____ MATERIAL FOR THE TASK
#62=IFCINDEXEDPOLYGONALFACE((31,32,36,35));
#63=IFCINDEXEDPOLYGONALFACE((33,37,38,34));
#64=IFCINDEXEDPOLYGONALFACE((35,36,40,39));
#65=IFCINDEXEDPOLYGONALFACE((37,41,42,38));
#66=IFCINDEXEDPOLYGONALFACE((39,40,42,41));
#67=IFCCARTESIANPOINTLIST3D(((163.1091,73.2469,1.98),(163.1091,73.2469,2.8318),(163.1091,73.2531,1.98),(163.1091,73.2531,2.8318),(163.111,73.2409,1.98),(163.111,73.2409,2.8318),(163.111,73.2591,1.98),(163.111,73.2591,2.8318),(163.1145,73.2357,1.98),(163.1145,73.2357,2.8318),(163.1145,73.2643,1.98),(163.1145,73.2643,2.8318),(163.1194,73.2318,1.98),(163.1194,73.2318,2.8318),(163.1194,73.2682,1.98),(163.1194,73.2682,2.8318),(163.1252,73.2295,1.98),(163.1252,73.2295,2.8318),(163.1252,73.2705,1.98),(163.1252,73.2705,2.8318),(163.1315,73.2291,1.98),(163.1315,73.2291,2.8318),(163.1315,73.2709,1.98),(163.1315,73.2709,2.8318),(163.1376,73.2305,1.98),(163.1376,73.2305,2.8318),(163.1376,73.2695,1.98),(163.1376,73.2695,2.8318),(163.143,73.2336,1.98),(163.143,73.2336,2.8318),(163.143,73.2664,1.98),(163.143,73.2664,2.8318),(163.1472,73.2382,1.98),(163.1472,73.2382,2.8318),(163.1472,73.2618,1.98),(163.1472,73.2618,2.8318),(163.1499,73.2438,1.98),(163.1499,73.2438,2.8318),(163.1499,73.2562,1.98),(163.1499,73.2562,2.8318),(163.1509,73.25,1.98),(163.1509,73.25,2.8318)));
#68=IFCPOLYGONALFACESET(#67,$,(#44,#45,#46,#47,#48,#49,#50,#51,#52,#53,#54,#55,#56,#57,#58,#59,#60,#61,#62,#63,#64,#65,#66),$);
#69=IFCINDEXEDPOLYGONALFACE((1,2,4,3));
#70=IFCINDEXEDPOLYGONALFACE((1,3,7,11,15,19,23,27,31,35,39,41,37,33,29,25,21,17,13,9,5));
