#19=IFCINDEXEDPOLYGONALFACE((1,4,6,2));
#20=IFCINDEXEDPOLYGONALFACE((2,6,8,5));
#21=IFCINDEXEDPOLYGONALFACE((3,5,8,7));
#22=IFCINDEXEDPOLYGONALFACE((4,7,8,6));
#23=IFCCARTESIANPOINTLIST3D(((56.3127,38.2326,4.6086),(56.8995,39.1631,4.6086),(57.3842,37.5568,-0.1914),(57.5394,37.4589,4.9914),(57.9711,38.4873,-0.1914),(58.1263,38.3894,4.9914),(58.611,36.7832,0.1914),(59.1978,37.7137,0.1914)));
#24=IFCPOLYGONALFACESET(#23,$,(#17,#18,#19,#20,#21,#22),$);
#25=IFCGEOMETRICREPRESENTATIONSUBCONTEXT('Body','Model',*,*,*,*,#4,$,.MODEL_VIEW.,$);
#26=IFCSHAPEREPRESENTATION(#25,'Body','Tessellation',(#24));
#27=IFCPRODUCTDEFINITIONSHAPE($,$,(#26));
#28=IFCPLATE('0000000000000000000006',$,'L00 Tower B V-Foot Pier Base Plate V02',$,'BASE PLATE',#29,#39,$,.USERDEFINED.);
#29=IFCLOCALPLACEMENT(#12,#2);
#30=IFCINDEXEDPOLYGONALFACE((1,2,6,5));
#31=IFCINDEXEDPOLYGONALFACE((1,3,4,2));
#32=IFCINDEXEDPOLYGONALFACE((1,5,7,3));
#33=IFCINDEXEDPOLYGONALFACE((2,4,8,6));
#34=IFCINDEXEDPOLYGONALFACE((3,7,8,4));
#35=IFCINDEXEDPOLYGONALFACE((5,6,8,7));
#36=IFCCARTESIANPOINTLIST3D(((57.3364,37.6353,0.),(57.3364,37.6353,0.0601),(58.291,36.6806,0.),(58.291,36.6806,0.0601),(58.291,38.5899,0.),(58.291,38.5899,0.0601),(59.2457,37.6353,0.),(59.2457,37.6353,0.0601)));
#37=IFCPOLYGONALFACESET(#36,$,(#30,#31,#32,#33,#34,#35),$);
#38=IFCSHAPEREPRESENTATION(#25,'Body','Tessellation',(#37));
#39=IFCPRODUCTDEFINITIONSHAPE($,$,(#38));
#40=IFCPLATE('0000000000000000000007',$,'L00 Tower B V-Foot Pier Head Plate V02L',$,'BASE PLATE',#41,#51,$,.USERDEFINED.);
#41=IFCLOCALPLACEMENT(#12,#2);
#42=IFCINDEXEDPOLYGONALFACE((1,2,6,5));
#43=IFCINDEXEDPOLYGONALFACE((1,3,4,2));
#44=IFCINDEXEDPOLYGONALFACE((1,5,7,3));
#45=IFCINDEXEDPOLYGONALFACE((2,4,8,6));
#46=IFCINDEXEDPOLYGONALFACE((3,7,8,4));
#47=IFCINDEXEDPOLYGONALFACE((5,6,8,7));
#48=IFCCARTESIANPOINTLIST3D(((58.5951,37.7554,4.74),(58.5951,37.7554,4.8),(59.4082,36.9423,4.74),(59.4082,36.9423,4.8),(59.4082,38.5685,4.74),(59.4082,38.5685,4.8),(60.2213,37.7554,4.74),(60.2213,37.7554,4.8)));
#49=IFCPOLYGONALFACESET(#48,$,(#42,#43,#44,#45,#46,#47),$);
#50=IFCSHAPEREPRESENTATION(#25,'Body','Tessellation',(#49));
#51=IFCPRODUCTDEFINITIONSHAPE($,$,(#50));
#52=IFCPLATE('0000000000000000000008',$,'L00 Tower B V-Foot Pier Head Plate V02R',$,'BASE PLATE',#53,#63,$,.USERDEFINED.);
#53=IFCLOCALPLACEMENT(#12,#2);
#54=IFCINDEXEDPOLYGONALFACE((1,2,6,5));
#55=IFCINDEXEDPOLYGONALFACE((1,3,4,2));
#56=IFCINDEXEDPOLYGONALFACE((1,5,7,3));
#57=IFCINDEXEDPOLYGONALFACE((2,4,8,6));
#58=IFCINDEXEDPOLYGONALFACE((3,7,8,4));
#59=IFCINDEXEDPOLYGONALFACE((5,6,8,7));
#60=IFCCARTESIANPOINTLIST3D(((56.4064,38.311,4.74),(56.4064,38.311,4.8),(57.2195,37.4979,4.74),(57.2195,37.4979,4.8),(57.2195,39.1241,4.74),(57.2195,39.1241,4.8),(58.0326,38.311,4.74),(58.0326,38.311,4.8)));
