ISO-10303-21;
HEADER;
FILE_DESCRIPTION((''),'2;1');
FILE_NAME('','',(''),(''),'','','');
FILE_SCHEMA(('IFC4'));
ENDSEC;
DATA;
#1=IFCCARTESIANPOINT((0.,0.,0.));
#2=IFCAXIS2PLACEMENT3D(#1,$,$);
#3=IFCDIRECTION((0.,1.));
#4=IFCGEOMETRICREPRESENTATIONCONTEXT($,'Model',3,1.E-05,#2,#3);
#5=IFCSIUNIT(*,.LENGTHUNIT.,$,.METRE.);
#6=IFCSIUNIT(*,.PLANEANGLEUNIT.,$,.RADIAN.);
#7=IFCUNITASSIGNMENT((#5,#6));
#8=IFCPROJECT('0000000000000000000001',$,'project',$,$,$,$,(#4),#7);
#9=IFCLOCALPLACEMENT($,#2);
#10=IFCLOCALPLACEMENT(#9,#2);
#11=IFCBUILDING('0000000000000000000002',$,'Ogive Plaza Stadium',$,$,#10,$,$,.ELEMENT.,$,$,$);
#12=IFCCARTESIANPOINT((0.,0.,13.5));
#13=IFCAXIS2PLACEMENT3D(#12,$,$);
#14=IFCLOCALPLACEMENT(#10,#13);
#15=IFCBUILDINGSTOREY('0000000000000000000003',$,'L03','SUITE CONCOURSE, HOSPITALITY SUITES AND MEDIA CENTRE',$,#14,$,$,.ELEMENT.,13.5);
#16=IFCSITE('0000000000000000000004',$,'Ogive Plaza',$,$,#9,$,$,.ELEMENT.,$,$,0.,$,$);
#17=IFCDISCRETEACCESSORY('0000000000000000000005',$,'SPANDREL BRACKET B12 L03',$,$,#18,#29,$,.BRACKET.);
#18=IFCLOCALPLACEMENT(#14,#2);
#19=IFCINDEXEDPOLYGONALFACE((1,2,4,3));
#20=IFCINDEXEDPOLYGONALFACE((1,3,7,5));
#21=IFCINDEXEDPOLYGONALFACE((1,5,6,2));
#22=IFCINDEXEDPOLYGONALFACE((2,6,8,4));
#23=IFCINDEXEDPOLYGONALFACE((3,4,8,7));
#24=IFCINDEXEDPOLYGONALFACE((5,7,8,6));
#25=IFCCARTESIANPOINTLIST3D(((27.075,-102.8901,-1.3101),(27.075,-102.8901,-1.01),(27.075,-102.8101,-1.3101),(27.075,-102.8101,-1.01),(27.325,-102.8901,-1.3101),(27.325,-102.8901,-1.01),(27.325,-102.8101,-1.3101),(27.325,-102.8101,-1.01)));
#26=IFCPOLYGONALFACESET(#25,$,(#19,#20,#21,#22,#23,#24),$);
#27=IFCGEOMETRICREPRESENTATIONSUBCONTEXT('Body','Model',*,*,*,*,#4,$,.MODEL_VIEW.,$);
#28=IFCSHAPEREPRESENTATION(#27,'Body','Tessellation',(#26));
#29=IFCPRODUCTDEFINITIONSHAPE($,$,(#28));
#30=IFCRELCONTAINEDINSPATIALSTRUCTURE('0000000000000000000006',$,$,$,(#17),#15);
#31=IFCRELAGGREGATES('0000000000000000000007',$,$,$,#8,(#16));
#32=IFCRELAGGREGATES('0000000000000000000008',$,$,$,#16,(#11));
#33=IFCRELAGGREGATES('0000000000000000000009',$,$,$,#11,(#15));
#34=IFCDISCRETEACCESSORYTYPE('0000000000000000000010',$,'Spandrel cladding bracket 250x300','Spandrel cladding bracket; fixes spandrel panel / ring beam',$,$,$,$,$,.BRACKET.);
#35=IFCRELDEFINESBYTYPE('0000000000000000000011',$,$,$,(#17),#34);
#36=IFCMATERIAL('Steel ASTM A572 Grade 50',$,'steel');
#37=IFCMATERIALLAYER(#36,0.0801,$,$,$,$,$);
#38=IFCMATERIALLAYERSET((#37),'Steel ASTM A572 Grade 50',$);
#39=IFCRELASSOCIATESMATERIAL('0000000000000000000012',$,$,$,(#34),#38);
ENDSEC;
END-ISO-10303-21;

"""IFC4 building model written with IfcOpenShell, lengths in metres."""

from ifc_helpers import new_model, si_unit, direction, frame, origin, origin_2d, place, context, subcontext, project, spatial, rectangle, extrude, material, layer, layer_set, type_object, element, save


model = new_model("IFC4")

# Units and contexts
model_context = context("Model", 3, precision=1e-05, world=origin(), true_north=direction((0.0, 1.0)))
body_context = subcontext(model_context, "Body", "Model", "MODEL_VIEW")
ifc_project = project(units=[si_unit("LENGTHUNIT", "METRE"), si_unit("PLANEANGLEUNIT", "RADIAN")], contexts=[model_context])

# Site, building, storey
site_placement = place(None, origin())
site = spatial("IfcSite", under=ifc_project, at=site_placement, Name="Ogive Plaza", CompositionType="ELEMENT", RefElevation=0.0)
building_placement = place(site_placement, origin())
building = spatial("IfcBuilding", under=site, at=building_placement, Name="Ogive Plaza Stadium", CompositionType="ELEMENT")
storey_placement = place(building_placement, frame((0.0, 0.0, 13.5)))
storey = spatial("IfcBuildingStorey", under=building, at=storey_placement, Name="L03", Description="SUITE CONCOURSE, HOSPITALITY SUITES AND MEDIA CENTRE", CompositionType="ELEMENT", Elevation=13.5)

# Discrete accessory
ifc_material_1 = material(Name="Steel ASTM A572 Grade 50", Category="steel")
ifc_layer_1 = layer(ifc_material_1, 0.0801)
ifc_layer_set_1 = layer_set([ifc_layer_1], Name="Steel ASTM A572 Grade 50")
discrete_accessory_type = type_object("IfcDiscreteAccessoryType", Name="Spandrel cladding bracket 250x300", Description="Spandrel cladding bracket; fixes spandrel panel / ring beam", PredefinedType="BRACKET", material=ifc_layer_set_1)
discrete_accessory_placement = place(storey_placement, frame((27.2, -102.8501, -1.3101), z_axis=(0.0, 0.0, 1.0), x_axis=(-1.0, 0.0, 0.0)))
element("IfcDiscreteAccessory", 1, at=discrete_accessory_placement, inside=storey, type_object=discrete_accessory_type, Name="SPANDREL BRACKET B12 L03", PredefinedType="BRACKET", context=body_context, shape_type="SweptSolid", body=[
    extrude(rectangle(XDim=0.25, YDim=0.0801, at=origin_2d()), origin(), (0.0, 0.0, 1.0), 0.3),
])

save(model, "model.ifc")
________
____ MATERIAL FOR THE TASK
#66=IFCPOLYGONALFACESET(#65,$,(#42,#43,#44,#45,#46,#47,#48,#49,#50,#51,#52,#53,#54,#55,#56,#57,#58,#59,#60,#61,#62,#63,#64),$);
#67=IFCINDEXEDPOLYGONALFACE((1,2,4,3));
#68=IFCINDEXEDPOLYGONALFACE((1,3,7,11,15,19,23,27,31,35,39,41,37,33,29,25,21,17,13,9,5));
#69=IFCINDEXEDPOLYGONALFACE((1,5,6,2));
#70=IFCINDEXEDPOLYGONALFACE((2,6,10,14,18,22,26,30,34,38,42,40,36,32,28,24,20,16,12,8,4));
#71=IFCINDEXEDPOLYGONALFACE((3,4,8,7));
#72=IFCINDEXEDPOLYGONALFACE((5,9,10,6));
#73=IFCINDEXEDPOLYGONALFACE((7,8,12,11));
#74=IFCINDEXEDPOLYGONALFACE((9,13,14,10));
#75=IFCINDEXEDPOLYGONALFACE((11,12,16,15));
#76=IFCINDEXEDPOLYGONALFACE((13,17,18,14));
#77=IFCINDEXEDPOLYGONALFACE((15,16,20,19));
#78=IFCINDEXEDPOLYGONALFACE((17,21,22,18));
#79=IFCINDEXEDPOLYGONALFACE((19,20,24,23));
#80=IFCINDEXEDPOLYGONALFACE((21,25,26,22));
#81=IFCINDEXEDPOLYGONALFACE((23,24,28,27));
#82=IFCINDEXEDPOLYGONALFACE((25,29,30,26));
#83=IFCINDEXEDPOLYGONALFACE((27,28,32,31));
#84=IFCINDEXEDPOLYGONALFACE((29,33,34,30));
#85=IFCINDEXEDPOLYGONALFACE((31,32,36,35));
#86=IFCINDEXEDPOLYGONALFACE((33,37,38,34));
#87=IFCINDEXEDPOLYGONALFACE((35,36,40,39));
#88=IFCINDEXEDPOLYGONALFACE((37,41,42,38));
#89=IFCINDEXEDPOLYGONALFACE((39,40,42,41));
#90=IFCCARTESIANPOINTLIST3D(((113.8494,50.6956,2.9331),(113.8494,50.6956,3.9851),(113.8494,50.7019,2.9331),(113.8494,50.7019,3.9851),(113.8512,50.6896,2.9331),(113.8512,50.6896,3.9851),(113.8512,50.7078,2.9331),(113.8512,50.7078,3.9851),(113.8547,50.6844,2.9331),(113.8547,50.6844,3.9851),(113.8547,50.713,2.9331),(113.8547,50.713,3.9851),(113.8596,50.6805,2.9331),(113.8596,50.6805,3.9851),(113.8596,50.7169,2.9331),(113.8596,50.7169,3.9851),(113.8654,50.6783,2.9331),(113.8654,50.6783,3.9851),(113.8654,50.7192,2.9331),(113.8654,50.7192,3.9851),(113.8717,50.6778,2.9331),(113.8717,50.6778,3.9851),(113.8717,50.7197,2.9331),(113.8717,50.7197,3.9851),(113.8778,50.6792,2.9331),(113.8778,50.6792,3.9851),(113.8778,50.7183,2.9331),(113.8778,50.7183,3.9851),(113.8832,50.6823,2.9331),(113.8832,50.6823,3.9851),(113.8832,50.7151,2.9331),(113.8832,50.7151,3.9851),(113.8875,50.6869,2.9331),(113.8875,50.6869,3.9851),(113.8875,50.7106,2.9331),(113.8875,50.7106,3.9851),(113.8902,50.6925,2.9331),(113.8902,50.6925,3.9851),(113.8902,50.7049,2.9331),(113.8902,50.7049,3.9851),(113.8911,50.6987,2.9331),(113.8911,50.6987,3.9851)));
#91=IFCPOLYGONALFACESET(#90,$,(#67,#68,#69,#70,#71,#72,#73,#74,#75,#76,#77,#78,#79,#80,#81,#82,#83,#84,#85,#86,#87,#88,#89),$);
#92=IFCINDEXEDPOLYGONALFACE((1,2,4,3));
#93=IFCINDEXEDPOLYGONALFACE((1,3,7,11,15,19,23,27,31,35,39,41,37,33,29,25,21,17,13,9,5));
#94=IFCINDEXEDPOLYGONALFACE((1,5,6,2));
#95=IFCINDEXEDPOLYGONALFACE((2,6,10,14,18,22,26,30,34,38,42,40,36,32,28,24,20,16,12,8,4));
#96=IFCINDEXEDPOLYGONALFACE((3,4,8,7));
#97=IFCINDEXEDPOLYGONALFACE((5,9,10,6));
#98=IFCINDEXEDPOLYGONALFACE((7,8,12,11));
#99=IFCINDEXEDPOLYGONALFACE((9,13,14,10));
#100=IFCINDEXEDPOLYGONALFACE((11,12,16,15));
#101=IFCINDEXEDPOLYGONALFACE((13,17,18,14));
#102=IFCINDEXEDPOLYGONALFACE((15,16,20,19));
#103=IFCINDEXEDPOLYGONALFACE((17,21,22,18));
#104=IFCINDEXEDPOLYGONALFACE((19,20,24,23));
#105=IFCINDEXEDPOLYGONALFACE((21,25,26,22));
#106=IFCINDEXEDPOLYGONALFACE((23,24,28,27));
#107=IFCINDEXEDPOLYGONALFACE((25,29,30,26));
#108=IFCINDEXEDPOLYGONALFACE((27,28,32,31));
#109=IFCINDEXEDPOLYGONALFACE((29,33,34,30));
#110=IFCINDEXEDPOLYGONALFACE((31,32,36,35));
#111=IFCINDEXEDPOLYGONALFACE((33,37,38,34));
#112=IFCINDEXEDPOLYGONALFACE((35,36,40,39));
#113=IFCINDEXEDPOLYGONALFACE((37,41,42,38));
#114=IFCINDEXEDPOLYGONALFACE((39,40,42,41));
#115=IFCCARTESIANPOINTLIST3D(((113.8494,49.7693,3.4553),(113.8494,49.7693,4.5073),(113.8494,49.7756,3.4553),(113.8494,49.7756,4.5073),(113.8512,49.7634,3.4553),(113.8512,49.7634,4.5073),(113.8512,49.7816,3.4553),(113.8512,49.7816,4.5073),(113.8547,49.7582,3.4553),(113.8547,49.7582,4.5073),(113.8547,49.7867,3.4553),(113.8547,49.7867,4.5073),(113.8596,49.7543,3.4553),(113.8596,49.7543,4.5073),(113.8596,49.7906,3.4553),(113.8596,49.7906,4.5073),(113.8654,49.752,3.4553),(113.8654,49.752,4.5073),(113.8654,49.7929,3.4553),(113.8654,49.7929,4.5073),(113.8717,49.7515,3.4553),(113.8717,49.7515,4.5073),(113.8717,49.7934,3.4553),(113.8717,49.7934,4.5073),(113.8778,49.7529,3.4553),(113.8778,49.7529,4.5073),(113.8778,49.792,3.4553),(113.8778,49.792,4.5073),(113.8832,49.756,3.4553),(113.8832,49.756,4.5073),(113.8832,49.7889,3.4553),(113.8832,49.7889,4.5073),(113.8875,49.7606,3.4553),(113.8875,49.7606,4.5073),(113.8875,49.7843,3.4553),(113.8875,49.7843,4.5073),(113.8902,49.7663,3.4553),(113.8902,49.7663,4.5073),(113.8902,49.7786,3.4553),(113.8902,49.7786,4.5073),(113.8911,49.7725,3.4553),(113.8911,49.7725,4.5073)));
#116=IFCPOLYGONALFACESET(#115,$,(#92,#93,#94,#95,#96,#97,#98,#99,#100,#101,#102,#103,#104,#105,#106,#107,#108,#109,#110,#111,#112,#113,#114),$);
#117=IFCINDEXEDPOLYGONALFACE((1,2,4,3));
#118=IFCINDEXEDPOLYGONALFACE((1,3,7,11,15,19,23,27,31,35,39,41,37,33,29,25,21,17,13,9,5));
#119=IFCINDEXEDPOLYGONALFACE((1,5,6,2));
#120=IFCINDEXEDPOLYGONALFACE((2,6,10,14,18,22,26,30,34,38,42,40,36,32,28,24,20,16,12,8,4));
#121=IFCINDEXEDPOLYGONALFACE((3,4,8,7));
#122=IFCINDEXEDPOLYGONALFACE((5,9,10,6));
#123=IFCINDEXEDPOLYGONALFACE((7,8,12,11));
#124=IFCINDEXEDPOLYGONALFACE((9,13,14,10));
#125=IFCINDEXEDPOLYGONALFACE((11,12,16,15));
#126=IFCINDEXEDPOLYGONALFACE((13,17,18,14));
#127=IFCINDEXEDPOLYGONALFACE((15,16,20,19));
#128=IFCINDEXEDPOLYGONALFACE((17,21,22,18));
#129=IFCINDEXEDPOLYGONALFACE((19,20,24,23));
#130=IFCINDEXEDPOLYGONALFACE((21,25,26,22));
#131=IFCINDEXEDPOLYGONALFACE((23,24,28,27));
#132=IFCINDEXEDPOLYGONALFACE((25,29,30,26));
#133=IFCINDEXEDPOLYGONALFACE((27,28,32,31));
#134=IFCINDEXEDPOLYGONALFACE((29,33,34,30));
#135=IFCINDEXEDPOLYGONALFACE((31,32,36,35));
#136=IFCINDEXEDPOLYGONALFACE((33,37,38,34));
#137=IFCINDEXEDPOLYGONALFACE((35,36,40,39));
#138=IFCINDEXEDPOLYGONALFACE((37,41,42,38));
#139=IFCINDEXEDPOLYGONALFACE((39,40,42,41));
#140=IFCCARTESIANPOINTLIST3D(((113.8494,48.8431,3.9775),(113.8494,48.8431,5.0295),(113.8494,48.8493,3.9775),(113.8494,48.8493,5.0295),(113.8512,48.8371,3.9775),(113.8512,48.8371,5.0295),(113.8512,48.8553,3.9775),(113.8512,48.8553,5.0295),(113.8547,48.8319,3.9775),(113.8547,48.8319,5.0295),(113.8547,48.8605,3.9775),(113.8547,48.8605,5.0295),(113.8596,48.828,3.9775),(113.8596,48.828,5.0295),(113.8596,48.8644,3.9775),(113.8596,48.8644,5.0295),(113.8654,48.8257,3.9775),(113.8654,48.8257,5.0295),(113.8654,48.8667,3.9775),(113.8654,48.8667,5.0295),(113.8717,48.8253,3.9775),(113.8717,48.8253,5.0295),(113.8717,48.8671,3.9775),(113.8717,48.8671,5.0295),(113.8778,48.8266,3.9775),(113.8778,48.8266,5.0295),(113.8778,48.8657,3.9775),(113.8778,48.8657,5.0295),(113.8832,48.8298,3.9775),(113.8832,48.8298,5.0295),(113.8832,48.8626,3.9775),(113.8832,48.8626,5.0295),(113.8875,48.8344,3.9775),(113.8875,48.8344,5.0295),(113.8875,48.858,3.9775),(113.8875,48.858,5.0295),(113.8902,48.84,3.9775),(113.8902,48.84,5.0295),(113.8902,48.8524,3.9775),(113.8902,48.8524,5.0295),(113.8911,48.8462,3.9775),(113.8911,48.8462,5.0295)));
________
____ MATERIAL FOR THE TASK
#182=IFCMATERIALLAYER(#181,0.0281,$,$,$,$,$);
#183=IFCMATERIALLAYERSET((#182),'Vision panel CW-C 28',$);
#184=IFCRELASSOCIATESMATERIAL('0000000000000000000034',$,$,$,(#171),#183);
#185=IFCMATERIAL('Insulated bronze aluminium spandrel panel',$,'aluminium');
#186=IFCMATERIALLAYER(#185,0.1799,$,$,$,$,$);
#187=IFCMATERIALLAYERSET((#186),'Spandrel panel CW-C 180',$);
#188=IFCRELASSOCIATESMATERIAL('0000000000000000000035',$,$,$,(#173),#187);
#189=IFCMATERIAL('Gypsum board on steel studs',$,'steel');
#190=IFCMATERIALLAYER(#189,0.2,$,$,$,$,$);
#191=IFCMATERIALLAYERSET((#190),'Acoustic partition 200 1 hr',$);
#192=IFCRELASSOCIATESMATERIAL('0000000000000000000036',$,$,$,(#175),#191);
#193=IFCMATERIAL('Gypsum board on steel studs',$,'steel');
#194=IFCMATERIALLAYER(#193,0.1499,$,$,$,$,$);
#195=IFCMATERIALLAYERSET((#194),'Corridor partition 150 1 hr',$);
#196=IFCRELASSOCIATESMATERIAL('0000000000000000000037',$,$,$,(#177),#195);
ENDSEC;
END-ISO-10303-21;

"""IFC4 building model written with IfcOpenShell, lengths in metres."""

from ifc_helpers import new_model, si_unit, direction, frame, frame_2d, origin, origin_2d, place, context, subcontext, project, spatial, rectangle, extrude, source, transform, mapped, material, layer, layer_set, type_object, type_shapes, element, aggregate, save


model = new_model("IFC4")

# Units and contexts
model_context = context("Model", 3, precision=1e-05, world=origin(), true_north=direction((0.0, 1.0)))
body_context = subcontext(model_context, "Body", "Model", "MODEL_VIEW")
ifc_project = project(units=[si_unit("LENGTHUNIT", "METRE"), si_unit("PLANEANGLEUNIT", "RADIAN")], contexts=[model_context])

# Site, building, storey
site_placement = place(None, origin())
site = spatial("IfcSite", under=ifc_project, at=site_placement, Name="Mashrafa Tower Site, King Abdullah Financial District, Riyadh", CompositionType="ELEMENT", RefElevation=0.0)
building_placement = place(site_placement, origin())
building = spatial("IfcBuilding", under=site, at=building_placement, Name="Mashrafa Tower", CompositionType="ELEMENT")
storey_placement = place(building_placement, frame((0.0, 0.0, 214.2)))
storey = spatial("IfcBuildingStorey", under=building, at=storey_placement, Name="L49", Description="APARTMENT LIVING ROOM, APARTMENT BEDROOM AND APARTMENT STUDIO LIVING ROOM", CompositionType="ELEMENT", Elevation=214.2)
________
THE PROBLEM: Show every line in the entries where the string "IFCGEOMETRICREPRESENTATIONSUBCONTEXT" occurs.

THE ANSWER:
#25=IFCGEOMETRICREPRESENTATIONSUBCONTEXT('Body','Model',*,*,*,*,#4,$,.MODEL_VIEW.,$);
#27=IFCGEOMETRICREPRESENTATIONSUBCONTEXT('Body','Model',*,*,*,*,#4,$,.MODEL_VIEW.,$);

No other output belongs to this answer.